**TASK OBJECTIVE**
Everything from the first line of the entries below through the line holding "#127=IFCINDEXEDPOLYGONALFACE((11,12,16,15));" must be printed exactly as written.

------------------------------------------------------------------------

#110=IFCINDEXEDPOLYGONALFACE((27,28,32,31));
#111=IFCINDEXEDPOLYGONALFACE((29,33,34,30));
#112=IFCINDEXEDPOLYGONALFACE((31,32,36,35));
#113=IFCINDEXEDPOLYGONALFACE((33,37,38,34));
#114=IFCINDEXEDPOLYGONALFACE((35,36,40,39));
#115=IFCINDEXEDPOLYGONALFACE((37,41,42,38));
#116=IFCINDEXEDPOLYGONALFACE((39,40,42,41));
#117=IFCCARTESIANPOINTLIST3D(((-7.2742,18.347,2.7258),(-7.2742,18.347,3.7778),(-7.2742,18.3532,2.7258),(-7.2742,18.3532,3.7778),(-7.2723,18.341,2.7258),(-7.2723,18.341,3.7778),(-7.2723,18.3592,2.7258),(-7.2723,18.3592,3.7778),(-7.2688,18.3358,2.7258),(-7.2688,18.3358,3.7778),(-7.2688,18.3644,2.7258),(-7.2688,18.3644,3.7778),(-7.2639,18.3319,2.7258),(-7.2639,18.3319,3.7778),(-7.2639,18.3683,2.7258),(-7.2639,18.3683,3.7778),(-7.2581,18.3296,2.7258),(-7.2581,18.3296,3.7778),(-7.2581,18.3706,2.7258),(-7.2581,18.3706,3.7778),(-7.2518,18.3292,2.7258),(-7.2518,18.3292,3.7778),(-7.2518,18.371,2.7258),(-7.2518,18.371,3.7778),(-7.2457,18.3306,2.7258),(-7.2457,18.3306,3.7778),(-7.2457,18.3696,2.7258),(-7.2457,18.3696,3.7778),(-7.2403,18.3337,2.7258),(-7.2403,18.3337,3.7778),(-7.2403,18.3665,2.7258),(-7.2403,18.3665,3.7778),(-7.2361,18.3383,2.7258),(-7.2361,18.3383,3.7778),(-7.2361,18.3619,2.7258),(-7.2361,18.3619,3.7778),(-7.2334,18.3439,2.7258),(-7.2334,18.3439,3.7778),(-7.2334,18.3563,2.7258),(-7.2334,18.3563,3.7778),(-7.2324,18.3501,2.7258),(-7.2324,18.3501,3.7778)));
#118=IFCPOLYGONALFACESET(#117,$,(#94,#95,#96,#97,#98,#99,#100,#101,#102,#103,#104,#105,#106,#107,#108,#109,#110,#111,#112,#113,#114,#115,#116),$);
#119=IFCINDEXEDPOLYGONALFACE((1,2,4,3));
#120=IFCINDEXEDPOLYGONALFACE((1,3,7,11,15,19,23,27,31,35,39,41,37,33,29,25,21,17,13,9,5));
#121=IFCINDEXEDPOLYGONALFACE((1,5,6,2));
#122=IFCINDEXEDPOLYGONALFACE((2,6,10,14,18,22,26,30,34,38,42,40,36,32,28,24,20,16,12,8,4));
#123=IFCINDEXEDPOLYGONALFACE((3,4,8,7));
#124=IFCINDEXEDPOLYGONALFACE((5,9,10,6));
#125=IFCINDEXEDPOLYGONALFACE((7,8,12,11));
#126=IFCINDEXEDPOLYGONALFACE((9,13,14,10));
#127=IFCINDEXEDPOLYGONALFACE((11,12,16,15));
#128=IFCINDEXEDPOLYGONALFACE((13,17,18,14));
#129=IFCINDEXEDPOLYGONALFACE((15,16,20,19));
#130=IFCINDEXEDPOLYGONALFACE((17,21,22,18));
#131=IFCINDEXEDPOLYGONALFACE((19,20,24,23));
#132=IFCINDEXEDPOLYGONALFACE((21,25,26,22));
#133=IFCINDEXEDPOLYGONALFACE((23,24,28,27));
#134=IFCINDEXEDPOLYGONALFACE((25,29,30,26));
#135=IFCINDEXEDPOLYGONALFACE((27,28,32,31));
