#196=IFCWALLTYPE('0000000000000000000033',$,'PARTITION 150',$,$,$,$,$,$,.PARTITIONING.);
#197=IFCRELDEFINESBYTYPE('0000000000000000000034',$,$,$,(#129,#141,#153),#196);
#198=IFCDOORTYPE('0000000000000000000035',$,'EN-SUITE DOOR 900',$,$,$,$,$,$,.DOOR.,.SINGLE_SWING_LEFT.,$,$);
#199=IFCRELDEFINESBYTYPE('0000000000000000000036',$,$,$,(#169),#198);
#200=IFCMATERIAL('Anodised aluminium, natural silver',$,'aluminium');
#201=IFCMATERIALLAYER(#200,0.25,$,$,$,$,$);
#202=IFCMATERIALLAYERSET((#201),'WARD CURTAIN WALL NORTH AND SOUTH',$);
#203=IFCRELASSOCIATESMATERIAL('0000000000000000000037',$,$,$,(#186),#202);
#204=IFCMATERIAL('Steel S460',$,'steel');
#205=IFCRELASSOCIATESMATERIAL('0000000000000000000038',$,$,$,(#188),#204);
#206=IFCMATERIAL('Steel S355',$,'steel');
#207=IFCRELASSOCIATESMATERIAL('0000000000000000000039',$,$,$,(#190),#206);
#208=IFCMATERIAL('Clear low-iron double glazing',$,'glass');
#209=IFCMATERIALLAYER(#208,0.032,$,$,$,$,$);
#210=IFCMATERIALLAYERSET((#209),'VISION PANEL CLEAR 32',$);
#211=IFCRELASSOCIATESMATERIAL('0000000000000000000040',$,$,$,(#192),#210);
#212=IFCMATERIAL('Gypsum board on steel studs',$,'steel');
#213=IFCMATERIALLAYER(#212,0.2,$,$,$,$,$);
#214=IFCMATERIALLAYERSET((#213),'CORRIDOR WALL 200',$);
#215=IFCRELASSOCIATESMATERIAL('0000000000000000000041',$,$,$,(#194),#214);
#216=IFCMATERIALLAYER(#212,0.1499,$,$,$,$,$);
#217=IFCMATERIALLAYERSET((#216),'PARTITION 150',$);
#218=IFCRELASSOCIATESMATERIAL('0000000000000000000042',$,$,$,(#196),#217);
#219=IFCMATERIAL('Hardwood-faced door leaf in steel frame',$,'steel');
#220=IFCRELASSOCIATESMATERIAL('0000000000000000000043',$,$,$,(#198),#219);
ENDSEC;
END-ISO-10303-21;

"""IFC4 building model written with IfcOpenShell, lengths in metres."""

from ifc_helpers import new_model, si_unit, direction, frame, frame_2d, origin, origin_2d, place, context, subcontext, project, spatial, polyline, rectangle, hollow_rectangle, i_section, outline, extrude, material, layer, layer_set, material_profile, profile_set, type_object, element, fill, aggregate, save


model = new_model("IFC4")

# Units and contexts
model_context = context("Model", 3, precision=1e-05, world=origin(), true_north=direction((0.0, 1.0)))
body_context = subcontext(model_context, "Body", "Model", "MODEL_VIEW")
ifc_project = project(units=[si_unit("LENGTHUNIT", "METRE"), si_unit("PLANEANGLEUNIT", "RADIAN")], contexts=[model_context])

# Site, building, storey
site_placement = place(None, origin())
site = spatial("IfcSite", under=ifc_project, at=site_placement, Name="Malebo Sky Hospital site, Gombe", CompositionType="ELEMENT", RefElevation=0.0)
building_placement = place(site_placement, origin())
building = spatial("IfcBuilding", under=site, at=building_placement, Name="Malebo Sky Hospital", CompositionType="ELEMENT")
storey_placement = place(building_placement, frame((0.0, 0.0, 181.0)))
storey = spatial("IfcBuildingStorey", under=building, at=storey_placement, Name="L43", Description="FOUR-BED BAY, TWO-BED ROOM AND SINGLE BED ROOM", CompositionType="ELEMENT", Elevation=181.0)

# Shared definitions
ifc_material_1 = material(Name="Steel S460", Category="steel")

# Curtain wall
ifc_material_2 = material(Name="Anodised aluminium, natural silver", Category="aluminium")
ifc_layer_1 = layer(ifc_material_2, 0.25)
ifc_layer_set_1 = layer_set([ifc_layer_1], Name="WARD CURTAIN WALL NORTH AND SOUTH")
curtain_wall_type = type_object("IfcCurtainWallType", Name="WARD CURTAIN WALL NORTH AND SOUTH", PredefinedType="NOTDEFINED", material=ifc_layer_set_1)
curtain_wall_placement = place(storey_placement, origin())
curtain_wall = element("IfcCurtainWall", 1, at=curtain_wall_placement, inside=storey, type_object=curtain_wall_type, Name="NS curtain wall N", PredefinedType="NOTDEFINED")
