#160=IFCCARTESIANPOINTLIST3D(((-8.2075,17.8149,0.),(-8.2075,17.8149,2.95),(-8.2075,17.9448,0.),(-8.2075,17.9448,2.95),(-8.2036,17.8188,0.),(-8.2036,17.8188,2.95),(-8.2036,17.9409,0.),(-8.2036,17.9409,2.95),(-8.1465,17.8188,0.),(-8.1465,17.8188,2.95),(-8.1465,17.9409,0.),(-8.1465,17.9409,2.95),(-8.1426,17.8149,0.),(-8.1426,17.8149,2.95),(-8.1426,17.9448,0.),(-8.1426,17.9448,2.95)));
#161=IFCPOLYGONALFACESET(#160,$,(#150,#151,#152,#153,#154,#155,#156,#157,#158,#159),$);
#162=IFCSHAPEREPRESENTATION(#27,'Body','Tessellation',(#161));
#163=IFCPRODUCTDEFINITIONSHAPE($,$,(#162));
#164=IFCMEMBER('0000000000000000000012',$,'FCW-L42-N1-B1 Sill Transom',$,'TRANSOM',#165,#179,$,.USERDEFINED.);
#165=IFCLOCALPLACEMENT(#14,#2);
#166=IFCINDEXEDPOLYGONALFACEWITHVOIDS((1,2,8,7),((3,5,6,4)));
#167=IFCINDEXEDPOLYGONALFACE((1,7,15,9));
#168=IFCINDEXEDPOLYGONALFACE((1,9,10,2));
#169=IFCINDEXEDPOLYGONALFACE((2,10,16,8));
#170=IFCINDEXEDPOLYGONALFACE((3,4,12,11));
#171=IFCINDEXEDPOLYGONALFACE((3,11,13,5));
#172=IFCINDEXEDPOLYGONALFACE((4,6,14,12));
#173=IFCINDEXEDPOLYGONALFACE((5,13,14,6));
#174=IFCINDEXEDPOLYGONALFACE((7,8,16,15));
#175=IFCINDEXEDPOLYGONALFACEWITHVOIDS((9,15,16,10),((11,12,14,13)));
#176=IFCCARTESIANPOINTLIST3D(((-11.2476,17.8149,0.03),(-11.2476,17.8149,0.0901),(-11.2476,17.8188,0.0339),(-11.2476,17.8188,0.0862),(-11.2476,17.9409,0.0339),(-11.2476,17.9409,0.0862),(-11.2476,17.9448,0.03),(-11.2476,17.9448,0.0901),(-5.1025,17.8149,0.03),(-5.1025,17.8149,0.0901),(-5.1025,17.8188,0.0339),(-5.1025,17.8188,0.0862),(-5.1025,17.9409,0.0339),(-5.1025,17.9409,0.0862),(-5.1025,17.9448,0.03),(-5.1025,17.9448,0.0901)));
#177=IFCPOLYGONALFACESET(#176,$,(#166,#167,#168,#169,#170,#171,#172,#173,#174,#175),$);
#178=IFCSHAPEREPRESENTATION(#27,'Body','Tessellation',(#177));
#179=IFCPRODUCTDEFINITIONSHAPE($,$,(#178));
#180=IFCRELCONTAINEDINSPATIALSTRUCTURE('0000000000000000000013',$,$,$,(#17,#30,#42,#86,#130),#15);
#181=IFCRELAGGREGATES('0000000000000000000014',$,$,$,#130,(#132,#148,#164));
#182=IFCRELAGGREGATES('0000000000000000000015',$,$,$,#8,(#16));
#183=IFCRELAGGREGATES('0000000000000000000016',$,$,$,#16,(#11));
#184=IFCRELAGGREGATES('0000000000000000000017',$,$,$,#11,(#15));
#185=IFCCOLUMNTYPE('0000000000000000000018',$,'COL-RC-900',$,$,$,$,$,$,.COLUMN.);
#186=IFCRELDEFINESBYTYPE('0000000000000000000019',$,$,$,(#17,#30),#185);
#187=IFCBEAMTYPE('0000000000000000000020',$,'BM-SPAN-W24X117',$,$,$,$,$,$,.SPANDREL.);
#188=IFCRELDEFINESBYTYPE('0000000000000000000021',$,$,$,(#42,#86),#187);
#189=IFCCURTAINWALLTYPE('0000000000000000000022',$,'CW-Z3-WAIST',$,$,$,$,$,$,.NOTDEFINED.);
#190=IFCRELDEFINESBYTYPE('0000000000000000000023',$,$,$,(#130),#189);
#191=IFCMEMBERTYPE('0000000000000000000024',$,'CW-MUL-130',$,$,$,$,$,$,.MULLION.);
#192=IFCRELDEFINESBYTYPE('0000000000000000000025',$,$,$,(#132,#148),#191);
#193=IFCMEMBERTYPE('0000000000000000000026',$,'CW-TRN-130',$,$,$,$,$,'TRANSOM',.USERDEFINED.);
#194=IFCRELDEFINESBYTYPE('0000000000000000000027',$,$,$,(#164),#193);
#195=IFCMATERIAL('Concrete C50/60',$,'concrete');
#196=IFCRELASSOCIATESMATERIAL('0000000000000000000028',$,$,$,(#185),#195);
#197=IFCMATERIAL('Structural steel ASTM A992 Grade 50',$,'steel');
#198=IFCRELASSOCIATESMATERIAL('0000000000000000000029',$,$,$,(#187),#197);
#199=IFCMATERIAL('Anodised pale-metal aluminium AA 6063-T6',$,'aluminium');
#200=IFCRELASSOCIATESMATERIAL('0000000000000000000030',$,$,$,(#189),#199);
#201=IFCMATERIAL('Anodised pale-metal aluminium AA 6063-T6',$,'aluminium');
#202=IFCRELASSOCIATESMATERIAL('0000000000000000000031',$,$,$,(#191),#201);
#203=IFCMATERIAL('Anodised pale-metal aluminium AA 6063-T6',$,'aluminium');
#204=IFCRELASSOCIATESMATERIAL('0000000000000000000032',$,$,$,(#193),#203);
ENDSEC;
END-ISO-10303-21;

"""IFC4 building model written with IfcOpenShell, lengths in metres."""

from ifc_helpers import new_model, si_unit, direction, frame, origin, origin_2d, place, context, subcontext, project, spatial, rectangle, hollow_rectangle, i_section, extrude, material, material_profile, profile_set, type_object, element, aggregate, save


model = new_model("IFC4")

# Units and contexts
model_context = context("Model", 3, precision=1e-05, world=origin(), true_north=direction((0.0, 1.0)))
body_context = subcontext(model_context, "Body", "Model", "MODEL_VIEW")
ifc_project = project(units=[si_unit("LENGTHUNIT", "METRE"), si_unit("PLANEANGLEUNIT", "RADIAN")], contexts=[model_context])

------------------------------------------------------------------------

**TASK RESULT**
#110=IFCINDEXEDPOLYGONALFACE((27,28,32,31));
#111=IFCINDEXEDPOLYGONALFACE((29,33,34,30));
#112=IFCINDEXEDPOLYGONALFACE((31,32,36,35));
#113=IFCINDEXEDPOLYGONALFACE((33,37,38,34));
#114=IFCINDEXEDPOLYGONALFACE((35,36,40,39));
#115=IFCINDEXEDPOLYGONALFACE((37,41,42,38));
#116=IFCINDEXEDPOLYGONALFACE((39,40,42,41));
#117=IFCCARTESIANPOINTLIST3D(((-7.2742,18.347,2.7258),(-7.2742,18.347,3.7778),(-7.2742,18.3532,2.7258),(-7.2742,18.3532,3.7778),(-7.2723,18.341,2.7258),(-7.2723,18.341,3.7778),(-7.2723,18.3592,2.7258),(-7.2723,18.3592,3.7778),(-7.2688,18.3358,2.7258),(-7.2688,18.3358,3.7778),(-7.2688,18.3644,2.7258),(-7.2688,18.3644,3.7778),(-7.2639,18.3319,2.7258),(-7.2639,18.3319,3.7778),(-7.2639,18.3683,2.7258),(-7.2639,18.3683,3.7778),(-7.2581,18.3296,2.7258),(-7.2581,18.3296,3.7778),(-7.2581,18.3706,2.7258),(-7.2581,18.3706,3.7778),(-7.2518,18.3292,2.7258),(-7.2518,18.3292,3.7778),(-7.2518,18.371,2.7258),(-7.2518,18.371,3.7778),(-7.2457,18.3306,2.7258),(-7.2457,18.3306,3.7778),(-7.2457,18.3696,2.7258),(-7.2457,18.3696,3.7778),(-7.2403,18.3337,2.7258),(-7.2403,18.3337,3.7778),(-7.2403,18.3665,2.7258),(-7.2403,18.3665,3.7778),(-7.2361,18.3383,2.7258),(-7.2361,18.3383,3.7778),(-7.2361,18.3619,2.7258),(-7.2361,18.3619,3.7778),(-7.2334,18.3439,2.7258),(-7.2334,18.3439,3.7778),(-7.2334,18.3563,2.7258),(-7.2334,18.3563,3.7778),(-7.2324,18.3501,2.7258),(-7.2324,18.3501,3.7778)));
#118=IFCPOLYGONALFACESET(#117,$,(#94,#95,#96,#97,#98,#99,#100,#101,#102,#103,#104,#105,#106,#107,#108,#109,#110,#111,#112,#113,#114,#115,#116),$);
#119=IFCINDEXEDPOLYGONALFACE((1,2,4,3));
#120=IFCINDEXEDPOLYGONALFACE((1,3,7,11,15,19,23,27,31,35,39,41,37,33,29,25,21,17,13,9,5));
#121=IFCINDEXEDPOLYGONALFACE((1,5,6,2));
#122=IFCINDEXEDPOLYGONALFACE((2,6,10,14,18,22,26,30,34,38,42,40,36,32,28,24,20,16,12,8,4));
#123=IFCINDEXEDPOLYGONALFACE((3,4,8,7));
#124=IFCINDEXEDPOLYGONALFACE((5,9,10,6));
#125=IFCINDEXEDPOLYGONALFACE((7,8,12,11));
#126=IFCINDEXEDPOLYGONALFACE((9,13,14,10));
#127=IFCINDEXEDPOLYGONALFACE((11,12,16,15));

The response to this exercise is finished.